» **WORK INSTRUCTION**: Give back only the lines in the records below from the one with "#13=IFCAXIS2PLACEMENT3D(#12,$,$);" to the one with "#24=IFCINDEXEDPOLYGONALFACE((5,7,8,6));", both inclusive, word for word.

» **EXTRACTED DATA**:
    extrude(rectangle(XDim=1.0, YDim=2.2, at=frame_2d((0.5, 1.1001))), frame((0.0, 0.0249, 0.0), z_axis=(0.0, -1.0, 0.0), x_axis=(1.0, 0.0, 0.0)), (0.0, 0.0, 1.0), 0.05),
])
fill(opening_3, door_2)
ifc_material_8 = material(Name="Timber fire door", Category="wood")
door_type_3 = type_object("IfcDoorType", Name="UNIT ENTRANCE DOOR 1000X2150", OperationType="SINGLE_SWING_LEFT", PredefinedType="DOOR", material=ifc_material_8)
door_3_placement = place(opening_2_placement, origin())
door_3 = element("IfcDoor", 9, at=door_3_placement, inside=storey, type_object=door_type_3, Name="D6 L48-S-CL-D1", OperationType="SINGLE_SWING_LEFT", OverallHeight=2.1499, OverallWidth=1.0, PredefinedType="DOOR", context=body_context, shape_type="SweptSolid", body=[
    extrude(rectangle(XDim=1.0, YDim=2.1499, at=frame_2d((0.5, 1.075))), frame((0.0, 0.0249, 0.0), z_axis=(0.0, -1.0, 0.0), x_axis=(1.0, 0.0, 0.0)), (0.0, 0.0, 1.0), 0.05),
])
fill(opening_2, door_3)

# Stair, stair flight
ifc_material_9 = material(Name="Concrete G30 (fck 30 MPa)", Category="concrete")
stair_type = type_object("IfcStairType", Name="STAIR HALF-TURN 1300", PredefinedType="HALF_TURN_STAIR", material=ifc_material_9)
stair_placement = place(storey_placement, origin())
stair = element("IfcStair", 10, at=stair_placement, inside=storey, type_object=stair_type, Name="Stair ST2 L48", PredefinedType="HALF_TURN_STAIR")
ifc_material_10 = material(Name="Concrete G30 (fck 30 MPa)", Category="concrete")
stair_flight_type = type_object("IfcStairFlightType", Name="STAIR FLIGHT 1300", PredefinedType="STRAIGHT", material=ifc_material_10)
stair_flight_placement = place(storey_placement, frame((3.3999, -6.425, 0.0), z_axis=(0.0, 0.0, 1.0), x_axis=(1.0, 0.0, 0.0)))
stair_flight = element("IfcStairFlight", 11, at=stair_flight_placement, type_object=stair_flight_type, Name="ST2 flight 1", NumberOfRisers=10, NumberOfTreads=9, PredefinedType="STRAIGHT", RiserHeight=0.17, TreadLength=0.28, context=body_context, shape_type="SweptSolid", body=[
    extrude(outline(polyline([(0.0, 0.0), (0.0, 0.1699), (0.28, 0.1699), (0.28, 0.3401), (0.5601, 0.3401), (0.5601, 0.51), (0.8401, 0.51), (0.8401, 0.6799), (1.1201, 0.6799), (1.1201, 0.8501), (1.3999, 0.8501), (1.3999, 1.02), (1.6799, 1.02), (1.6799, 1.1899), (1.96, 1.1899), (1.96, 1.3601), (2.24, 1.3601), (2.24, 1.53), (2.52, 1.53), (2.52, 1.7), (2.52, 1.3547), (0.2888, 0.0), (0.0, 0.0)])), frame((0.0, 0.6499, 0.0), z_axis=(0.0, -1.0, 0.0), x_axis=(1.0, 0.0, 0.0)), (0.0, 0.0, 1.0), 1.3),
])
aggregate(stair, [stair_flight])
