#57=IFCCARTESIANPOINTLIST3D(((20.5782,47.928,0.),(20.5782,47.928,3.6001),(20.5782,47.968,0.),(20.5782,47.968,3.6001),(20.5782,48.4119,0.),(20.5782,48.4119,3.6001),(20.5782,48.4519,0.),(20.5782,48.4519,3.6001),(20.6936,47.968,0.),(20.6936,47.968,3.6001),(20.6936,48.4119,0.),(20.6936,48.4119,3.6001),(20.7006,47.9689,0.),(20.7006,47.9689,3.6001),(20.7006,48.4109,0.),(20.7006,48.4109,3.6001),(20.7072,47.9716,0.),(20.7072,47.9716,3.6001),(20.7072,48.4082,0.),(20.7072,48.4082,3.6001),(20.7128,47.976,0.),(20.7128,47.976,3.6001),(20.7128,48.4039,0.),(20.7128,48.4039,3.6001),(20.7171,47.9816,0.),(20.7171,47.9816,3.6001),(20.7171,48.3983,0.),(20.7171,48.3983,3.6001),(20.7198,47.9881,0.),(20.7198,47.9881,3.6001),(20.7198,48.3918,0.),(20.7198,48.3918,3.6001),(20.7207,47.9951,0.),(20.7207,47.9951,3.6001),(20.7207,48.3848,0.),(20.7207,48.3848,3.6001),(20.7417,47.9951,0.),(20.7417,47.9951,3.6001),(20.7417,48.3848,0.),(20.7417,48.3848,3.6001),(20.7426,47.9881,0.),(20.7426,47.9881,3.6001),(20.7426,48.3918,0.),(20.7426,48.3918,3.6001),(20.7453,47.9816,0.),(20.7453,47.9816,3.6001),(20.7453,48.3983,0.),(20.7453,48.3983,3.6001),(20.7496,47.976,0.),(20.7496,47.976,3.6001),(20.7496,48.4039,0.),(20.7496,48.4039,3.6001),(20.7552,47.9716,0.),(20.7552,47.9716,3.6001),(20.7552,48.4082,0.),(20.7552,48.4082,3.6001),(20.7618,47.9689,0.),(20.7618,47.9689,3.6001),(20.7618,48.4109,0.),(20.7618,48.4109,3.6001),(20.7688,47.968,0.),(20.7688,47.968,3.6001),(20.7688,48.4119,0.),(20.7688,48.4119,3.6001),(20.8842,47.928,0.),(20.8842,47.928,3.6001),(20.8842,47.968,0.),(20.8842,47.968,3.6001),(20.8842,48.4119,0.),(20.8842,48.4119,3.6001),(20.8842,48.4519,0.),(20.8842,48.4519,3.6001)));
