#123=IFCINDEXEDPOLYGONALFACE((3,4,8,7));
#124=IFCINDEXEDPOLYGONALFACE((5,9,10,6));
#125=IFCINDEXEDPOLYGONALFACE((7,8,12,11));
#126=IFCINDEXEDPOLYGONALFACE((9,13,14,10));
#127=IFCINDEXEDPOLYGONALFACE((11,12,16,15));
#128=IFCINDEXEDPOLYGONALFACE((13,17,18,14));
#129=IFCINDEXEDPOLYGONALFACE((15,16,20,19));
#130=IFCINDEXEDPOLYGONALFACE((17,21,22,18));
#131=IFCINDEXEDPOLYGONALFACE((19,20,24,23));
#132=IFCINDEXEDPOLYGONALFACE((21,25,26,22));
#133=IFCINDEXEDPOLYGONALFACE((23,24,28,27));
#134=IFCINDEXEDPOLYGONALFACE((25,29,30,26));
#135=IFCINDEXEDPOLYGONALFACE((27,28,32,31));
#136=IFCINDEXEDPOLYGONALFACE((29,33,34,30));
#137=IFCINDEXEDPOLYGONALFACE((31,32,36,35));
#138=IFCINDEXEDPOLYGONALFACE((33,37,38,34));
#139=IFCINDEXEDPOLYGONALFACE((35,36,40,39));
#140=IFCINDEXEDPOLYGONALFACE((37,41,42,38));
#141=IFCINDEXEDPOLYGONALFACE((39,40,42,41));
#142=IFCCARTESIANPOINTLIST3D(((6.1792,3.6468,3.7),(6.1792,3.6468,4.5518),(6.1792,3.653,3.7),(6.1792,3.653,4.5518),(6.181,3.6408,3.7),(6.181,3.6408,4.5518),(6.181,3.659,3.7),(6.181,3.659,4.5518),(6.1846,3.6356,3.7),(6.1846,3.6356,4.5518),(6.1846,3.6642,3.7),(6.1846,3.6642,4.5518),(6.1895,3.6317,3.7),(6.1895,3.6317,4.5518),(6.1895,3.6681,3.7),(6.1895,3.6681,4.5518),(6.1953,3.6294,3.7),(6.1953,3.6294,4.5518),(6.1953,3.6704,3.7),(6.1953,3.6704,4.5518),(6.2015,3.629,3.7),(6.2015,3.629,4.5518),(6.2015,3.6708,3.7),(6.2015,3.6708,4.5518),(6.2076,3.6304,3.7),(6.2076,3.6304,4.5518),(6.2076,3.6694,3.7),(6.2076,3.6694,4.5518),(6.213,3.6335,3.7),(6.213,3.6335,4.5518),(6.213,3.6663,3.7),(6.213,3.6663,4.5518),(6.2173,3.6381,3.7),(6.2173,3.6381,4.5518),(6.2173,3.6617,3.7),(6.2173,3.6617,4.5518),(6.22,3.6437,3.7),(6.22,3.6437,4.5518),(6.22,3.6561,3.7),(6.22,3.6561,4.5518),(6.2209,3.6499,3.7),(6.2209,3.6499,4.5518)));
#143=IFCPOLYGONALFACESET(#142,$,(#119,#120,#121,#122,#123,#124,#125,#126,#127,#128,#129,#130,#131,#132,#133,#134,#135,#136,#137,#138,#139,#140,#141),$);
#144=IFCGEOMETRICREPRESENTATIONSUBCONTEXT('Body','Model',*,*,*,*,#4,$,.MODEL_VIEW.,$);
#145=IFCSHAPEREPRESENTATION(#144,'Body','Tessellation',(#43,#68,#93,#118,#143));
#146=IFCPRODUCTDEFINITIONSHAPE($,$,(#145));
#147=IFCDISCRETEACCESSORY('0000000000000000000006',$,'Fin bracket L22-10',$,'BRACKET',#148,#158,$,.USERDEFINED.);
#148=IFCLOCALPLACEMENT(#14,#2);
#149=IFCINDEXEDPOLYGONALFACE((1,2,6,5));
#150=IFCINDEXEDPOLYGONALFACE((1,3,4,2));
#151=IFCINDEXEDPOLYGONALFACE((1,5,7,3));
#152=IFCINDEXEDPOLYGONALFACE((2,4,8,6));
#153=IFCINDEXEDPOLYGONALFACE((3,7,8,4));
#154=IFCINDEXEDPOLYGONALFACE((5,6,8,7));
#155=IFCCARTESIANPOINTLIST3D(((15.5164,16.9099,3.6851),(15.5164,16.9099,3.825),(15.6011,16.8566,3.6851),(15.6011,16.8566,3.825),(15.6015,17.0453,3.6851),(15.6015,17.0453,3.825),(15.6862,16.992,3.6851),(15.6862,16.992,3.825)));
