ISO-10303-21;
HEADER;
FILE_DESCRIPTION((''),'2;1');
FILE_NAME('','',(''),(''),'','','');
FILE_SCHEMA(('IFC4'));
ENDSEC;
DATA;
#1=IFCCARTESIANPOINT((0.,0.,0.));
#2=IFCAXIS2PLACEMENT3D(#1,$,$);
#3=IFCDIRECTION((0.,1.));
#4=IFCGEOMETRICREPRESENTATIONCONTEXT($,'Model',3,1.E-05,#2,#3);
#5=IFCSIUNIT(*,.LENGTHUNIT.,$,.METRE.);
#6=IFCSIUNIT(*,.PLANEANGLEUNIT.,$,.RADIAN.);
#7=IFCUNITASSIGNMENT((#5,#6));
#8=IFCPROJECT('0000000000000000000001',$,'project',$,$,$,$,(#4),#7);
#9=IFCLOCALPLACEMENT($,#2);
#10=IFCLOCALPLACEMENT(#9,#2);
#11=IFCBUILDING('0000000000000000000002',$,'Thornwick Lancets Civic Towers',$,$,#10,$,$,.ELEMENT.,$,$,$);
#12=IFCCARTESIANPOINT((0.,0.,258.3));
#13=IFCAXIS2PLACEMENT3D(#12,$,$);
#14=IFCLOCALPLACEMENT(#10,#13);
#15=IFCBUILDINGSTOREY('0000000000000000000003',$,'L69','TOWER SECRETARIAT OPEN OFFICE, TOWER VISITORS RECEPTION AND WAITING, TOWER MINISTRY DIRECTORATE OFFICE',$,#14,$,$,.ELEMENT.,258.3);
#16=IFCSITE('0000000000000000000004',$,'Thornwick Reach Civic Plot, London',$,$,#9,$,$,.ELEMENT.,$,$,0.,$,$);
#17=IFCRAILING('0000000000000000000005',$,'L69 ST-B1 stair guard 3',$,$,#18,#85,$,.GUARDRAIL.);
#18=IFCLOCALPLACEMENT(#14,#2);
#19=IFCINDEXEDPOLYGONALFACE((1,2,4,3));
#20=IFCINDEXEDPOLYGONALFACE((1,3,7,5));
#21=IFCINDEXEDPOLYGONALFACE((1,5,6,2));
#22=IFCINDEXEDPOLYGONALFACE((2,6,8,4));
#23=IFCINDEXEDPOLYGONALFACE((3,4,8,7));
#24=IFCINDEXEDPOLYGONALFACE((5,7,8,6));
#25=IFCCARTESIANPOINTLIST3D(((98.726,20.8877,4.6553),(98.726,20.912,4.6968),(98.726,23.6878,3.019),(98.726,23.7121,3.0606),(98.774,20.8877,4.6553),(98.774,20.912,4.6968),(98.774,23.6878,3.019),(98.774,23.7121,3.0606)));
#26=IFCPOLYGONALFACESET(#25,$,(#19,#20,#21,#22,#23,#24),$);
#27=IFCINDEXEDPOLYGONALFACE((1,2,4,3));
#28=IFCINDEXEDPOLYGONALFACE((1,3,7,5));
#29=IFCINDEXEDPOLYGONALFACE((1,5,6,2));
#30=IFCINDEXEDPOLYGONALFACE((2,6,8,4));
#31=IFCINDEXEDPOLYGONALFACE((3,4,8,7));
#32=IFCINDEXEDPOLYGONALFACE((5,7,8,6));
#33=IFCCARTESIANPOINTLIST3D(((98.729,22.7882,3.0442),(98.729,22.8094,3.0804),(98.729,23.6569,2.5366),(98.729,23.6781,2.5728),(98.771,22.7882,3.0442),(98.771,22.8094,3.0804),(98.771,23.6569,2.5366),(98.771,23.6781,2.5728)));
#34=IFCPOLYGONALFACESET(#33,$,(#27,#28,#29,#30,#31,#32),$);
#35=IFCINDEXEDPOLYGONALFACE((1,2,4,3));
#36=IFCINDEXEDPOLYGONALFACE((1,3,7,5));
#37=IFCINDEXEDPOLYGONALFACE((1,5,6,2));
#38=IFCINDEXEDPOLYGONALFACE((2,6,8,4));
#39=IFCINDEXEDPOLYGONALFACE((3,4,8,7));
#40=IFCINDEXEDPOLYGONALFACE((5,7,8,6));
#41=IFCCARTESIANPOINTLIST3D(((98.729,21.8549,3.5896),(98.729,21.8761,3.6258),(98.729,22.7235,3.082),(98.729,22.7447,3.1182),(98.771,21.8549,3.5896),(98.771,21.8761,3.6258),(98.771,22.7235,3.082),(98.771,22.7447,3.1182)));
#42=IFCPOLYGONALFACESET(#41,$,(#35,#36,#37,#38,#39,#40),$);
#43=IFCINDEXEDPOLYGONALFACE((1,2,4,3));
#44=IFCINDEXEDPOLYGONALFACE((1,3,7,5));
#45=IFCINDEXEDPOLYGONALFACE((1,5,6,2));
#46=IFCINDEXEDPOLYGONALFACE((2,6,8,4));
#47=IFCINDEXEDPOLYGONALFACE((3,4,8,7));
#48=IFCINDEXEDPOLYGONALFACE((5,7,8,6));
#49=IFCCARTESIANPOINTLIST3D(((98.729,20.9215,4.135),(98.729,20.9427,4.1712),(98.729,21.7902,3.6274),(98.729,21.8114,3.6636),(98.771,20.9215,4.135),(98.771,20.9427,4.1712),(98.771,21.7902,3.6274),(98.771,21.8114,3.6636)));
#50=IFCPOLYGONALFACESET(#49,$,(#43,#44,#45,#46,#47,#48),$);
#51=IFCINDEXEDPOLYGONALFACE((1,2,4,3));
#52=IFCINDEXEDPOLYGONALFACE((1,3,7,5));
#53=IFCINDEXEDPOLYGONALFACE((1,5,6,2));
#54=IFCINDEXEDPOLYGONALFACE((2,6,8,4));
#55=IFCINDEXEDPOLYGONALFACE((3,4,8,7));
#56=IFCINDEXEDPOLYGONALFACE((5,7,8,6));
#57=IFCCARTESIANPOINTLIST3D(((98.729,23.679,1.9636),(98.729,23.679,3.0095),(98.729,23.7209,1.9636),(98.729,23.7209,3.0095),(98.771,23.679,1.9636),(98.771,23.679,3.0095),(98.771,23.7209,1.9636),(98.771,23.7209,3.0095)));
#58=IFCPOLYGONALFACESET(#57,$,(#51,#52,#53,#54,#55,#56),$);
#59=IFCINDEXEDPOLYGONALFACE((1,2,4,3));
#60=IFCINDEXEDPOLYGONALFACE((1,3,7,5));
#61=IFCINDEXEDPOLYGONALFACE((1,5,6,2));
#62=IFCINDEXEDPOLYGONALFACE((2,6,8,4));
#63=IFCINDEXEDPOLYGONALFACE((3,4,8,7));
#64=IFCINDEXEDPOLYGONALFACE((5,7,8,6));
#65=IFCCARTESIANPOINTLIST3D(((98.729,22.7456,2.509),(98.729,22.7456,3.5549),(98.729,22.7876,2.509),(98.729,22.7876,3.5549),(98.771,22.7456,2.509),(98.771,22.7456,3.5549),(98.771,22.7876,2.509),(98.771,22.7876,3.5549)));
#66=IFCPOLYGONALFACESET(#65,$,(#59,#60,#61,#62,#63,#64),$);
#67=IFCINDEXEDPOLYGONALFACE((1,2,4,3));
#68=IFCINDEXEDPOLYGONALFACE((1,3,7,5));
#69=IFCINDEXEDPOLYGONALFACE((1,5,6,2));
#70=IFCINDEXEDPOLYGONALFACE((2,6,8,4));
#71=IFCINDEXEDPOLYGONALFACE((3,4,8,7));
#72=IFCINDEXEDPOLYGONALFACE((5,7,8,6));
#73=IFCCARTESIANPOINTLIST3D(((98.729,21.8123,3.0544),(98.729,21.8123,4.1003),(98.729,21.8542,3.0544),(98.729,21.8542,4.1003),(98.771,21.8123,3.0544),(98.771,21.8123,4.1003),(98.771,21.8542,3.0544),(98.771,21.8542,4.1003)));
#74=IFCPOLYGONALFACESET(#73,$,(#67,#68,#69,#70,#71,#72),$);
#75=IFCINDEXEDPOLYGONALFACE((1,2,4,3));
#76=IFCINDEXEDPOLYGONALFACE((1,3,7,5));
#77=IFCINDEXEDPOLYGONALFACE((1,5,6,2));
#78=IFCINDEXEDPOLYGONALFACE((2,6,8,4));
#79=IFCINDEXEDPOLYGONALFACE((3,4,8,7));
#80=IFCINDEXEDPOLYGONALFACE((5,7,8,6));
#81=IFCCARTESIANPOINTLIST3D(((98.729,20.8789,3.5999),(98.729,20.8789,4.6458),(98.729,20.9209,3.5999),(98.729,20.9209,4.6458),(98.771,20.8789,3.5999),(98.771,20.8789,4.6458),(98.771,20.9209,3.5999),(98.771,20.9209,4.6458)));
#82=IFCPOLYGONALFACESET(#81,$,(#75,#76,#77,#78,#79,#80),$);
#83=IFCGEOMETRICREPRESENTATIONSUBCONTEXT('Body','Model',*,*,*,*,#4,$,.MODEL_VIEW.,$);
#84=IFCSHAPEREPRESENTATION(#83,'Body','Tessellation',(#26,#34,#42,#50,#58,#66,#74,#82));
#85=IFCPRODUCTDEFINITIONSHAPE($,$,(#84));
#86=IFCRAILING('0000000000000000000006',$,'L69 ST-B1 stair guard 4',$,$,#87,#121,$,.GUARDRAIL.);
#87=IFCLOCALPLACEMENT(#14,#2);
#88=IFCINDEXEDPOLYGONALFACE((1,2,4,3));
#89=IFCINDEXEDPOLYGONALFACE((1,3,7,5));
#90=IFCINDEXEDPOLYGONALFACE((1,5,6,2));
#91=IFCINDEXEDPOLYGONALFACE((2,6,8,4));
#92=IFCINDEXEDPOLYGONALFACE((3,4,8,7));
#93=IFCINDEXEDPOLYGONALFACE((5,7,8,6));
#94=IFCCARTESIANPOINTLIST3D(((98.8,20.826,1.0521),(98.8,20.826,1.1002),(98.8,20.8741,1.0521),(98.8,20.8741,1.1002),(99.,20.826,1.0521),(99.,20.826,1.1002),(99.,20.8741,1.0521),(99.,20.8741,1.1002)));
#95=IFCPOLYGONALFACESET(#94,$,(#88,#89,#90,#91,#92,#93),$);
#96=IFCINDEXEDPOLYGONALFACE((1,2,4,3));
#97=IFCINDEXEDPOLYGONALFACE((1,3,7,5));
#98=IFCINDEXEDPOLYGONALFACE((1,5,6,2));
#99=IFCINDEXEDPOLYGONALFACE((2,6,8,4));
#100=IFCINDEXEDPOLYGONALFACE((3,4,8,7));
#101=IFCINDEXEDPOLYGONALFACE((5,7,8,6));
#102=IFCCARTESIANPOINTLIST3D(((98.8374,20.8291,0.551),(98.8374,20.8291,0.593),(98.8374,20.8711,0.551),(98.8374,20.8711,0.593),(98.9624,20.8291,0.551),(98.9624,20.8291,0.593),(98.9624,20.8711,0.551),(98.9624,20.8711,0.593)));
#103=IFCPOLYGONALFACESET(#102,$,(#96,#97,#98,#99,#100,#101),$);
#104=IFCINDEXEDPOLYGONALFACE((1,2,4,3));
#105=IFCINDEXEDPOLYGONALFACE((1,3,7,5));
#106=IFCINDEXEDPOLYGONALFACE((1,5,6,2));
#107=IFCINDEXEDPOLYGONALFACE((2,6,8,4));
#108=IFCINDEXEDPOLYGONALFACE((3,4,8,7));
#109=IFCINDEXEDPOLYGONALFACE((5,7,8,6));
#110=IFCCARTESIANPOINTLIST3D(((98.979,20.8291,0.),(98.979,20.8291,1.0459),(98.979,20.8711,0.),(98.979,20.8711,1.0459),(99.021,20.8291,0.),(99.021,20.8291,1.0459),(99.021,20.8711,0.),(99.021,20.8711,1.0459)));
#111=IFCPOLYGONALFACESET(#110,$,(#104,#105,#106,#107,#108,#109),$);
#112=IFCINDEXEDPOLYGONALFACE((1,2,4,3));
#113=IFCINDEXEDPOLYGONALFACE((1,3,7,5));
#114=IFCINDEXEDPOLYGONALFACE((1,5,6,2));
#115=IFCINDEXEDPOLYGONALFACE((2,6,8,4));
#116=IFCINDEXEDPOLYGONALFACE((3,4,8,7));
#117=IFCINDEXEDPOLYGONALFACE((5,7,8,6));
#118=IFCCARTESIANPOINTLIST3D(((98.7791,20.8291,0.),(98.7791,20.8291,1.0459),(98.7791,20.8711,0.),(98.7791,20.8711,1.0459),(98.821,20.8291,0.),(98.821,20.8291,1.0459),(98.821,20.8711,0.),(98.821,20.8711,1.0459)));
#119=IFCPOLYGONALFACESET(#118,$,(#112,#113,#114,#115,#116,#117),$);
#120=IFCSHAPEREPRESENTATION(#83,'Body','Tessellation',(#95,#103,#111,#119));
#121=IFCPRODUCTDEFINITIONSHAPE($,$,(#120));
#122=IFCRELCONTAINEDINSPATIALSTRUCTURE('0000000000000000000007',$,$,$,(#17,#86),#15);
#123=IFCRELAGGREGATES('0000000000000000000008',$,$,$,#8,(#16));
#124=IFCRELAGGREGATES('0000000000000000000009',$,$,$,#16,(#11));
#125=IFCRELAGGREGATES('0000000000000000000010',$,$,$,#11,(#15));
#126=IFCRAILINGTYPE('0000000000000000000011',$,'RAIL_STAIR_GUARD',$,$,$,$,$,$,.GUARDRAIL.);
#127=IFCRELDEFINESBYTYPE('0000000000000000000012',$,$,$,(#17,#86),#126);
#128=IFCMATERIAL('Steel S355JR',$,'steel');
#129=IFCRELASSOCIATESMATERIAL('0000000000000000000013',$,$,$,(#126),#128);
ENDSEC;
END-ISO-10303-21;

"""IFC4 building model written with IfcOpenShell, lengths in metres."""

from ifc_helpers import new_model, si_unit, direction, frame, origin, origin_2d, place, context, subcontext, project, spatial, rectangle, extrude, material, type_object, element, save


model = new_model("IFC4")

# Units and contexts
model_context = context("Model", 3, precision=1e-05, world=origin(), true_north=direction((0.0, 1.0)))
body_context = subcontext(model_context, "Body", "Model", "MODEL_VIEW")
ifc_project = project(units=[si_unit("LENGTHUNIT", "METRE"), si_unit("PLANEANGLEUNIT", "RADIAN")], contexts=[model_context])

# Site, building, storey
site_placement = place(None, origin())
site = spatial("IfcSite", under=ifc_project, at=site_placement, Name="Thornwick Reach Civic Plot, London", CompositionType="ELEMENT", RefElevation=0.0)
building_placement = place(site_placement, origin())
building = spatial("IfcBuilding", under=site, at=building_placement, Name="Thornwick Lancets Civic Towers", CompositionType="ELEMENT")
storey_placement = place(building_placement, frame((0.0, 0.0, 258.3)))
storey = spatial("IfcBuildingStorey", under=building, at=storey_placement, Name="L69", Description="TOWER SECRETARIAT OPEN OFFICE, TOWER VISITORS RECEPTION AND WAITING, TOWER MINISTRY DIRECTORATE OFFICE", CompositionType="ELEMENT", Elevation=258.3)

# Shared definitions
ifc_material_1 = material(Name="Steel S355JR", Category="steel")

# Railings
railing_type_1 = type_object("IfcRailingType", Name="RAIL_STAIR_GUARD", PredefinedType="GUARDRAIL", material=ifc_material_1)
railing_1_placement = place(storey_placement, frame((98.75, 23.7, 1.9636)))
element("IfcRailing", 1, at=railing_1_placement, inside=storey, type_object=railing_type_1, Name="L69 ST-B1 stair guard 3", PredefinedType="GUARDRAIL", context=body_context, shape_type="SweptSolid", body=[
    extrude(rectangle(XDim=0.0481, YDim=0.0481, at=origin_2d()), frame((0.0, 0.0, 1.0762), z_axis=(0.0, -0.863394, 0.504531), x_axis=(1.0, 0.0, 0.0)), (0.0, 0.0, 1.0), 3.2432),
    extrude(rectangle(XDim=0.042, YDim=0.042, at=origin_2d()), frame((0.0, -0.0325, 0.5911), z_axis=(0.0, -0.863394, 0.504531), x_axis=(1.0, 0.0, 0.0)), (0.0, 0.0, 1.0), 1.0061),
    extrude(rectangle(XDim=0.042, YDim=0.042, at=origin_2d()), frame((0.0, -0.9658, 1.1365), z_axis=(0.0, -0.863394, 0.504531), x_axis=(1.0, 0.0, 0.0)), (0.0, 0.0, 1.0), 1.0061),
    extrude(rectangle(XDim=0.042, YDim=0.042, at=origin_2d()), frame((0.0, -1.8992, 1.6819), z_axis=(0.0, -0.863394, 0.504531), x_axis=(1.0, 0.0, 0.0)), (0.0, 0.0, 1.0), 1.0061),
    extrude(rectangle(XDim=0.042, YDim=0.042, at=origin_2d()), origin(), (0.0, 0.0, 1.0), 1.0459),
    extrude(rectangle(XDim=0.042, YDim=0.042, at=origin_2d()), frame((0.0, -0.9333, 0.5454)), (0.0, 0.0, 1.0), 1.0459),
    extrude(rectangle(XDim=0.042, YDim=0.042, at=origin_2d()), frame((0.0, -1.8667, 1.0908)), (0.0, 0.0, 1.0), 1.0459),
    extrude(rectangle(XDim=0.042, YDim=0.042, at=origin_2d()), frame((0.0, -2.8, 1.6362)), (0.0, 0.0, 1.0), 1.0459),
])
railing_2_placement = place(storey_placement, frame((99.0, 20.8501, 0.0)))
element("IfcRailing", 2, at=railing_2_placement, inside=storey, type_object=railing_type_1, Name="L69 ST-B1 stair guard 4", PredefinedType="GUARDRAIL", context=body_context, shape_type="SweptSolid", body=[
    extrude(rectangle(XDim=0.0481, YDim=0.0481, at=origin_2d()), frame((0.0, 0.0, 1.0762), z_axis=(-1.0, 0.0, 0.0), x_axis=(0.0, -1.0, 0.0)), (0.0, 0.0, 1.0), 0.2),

» **SOLUTION TO THE EXERCISE**:
#13=IFCAXIS2PLACEMENT3D(#12,$,$);
#14=IFCLOCALPLACEMENT(#10,#13);
#15=IFCBUILDINGSTOREY('0000000000000000000003',$,'L69','TOWER SECRETARIAT OPEN OFFICE, TOWER VISITORS RECEPTION AND WAITING, TOWER MINISTRY DIRECTORATE OFFICE',$,#14,$,$,.ELEMENT.,258.3);
#16=IFCSITE('0000000000000000000004',$,'Thornwick Reach Civic Plot, London',$,$,#9,$,$,.ELEMENT.,$,$,0.,$,$);
#17=IFCRAILING('0000000000000000000005',$,'L69 ST-B1 stair guard 3',$,$,#18,#85,$,.GUARDRAIL.);
#18=IFCLOCALPLACEMENT(#14,#2);
#19=IFCINDEXEDPOLYGONALFACE((1,2,4,3));
#20=IFCINDEXEDPOLYGONALFACE((1,3,7,5));
#21=IFCINDEXEDPOLYGONALFACE((1,5,6,2));
#22=IFCINDEXEDPOLYGONALFACE((2,6,8,4));
#23=IFCINDEXEDPOLYGONALFACE((3,4,8,7));
#24=IFCINDEXEDPOLYGONALFACE((5,7,8,6));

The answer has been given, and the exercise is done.